# TASK TO COMPLETE:
Give again, word for word, every line in the entries below from the line with "#172=IFCRELAGGREGATES('0000000000000000000008',$,$,$,#14,(#11));" up to and including the line with "site_placement = place(None, origin())", and no other line.

# DATA:
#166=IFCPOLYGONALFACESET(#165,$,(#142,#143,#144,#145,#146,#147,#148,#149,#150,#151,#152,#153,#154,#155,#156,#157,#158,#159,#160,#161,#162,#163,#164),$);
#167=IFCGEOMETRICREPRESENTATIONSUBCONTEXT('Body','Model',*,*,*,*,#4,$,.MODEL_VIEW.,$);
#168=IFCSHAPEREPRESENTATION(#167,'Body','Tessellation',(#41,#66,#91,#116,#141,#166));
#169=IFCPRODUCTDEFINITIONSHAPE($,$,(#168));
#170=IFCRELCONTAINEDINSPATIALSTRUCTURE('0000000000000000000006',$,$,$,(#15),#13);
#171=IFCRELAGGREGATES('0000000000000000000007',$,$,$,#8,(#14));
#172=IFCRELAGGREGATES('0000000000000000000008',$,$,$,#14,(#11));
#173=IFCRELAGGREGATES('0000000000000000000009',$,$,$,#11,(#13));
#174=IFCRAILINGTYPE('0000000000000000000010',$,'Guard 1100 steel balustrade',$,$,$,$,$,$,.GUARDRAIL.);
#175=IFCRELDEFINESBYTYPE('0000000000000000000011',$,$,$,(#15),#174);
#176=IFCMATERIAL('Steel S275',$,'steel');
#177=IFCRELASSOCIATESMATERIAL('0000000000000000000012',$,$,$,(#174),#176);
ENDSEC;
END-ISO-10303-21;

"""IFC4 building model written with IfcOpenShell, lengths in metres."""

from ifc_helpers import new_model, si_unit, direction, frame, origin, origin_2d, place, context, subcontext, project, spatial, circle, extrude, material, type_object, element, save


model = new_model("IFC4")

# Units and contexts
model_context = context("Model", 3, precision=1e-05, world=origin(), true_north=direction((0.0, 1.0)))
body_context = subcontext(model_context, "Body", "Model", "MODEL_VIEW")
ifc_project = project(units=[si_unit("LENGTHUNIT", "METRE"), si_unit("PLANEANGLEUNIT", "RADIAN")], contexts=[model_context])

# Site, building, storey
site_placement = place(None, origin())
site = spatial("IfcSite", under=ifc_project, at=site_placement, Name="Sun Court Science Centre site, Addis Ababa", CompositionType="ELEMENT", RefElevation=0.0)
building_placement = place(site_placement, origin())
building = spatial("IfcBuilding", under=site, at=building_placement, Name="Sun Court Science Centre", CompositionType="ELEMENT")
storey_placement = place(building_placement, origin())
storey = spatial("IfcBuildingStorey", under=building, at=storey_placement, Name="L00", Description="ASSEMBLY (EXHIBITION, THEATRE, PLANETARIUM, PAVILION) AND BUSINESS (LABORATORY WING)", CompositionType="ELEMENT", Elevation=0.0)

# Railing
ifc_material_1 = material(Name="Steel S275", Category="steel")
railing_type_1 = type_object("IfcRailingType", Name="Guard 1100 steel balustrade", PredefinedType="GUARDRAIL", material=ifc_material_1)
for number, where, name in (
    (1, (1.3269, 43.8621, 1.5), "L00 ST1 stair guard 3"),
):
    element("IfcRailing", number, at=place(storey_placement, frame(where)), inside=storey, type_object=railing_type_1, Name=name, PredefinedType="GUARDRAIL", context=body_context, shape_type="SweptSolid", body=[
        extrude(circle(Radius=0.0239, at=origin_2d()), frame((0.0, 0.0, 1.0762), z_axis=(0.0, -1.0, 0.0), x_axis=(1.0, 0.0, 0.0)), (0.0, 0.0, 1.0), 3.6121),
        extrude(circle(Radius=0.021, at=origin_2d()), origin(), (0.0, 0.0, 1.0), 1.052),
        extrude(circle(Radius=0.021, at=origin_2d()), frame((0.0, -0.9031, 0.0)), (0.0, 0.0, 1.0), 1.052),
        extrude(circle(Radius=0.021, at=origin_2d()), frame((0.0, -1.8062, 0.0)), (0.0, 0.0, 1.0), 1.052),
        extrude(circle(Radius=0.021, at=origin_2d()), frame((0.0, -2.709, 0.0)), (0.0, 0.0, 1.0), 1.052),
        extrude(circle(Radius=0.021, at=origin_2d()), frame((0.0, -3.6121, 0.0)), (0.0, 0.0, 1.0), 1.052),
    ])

# TASK SOLUTION:
#172=IFCRELAGGREGATES('0000000000000000000008',$,$,$,#14,(#11));
#173=IFCRELAGGREGATES('0000000000000000000009',$,$,$,#11,(#13));
#174=IFCRAILINGTYPE('0000000000000000000010',$,'Guard 1100 steel balustrade',$,$,$,$,$,$,.GUARDRAIL.);
#175=IFCRELDEFINESBYTYPE('0000000000000000000011',$,$,$,(#15),#174);
#176=IFCMATERIAL('Steel S275',$,'steel');
#177=IFCRELASSOCIATESMATERIAL('0000000000000000000012',$,$,$,(#174),#176);
ENDSEC;
END-ISO-10303-21;

"""IFC4 building model written with IfcOpenShell, lengths in metres."""

from ifc_helpers import new_model, si_unit, direction, frame, origin, origin_2d, place, context, subcontext, project, spatial, circle, extrude, material, type_object, element, save


model = new_model("IFC4")

# Units and contexts
model_context = context("Model", 3, precision=1e-05, world=origin(), true_north=direction((0.0, 1.0)))
body_context = subcontext(model_context, "Body", "Model", "MODEL_VIEW")
ifc_project = project(units=[si_unit("LENGTHUNIT", "METRE"), si_unit("PLANEANGLEUNIT", "RADIAN")], contexts=[model_context])

# Site, building, storey
site_placement = place(None, origin())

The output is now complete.